:: What this task involves ::
Report the lines of the data below that contain the string "IFCRELAGGREGATES".
[Excerpted records]
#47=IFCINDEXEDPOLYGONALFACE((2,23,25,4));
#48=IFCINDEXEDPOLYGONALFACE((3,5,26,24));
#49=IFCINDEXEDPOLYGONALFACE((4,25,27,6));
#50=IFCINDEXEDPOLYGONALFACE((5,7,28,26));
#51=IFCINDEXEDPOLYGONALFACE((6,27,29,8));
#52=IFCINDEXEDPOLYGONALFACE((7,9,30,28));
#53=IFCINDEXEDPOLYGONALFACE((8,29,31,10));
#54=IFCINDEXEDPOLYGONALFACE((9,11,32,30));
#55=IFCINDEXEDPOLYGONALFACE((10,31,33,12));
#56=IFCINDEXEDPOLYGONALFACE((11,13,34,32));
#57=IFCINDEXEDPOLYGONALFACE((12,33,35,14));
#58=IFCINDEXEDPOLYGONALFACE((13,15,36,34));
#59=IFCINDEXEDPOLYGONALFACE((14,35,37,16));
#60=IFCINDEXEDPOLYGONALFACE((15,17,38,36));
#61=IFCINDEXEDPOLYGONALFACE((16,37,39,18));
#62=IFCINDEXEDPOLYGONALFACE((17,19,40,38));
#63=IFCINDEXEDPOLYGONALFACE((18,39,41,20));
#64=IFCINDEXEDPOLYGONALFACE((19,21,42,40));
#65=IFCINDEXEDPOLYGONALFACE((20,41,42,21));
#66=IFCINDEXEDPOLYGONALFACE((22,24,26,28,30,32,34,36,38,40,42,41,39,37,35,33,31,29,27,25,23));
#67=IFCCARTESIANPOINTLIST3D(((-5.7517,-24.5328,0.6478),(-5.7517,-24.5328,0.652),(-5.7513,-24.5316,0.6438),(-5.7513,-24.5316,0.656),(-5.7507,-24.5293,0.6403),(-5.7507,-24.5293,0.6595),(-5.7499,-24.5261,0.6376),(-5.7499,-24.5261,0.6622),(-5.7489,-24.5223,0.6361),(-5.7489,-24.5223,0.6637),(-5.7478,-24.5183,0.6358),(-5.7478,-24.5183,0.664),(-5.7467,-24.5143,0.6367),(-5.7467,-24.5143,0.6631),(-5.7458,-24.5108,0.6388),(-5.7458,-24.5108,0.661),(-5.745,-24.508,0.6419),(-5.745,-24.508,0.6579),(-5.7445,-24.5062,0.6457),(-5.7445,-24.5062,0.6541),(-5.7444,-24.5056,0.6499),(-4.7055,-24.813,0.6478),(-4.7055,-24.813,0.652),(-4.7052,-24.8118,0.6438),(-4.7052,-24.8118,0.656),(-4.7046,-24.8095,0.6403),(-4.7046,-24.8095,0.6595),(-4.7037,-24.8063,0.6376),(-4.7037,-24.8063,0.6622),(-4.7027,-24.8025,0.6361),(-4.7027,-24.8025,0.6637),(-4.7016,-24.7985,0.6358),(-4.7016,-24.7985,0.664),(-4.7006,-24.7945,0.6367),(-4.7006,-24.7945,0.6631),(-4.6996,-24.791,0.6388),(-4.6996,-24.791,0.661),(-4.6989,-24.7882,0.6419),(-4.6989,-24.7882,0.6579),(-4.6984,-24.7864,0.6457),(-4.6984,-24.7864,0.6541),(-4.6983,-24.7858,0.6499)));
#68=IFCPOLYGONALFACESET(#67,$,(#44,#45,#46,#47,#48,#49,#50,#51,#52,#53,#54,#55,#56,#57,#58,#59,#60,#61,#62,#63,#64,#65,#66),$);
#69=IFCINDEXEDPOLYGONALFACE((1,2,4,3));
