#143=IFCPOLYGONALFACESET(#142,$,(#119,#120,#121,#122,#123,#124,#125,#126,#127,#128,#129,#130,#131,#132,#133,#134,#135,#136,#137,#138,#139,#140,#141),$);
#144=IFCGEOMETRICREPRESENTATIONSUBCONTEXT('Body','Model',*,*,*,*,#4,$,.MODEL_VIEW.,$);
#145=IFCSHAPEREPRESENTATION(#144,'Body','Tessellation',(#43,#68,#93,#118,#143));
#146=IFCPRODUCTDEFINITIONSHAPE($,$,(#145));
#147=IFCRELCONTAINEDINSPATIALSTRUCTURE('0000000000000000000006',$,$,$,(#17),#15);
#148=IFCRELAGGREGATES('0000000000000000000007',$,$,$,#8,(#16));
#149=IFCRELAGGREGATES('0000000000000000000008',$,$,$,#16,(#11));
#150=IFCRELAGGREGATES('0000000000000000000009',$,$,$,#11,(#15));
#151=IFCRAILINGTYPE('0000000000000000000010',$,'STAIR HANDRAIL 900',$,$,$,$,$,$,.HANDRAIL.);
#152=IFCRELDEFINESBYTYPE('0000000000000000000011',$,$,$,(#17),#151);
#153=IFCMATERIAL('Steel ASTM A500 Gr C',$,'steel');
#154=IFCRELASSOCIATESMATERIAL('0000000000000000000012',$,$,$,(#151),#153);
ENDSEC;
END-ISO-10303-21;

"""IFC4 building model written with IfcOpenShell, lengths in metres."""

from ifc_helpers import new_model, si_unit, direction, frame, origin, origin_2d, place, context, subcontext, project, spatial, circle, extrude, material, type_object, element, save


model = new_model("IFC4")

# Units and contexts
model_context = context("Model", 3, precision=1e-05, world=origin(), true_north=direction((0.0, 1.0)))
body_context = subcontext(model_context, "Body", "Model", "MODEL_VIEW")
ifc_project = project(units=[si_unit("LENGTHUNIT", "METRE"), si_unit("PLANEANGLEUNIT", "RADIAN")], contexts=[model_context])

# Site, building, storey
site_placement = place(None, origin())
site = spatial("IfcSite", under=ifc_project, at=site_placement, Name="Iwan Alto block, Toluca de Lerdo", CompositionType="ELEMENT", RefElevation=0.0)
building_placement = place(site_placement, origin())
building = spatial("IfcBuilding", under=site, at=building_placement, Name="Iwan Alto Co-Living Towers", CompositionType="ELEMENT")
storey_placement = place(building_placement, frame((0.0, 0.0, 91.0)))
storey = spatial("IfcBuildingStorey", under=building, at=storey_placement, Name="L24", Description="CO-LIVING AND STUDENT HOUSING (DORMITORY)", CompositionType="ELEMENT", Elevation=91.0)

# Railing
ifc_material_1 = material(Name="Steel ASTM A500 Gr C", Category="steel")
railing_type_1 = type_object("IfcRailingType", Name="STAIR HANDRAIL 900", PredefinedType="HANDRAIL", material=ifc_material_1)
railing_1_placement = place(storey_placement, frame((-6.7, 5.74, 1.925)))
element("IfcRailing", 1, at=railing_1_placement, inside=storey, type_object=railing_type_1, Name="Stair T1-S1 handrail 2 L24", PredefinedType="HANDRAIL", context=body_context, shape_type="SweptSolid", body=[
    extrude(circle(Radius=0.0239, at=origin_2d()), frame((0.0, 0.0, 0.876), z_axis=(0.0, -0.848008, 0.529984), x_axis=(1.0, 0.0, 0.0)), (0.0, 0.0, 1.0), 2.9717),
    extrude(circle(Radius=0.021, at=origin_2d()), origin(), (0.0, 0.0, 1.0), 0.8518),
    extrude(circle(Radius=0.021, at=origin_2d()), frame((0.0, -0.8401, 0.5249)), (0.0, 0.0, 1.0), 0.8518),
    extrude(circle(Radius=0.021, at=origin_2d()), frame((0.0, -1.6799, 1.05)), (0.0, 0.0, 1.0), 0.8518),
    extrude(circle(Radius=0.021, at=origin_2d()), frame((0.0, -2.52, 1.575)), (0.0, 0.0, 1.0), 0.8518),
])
[/Excerpted records]
:: Output for this exercise ::
#148=IFCRELAGGREGATES('0000000000000000000007',$,$,$,#8,(#16));
#149=IFCRELAGGREGATES('0000000000000000000008',$,$,$,#16,(#11));
#150=IFCRELAGGREGATES('0000000000000000000009',$,$,$,#11,(#15));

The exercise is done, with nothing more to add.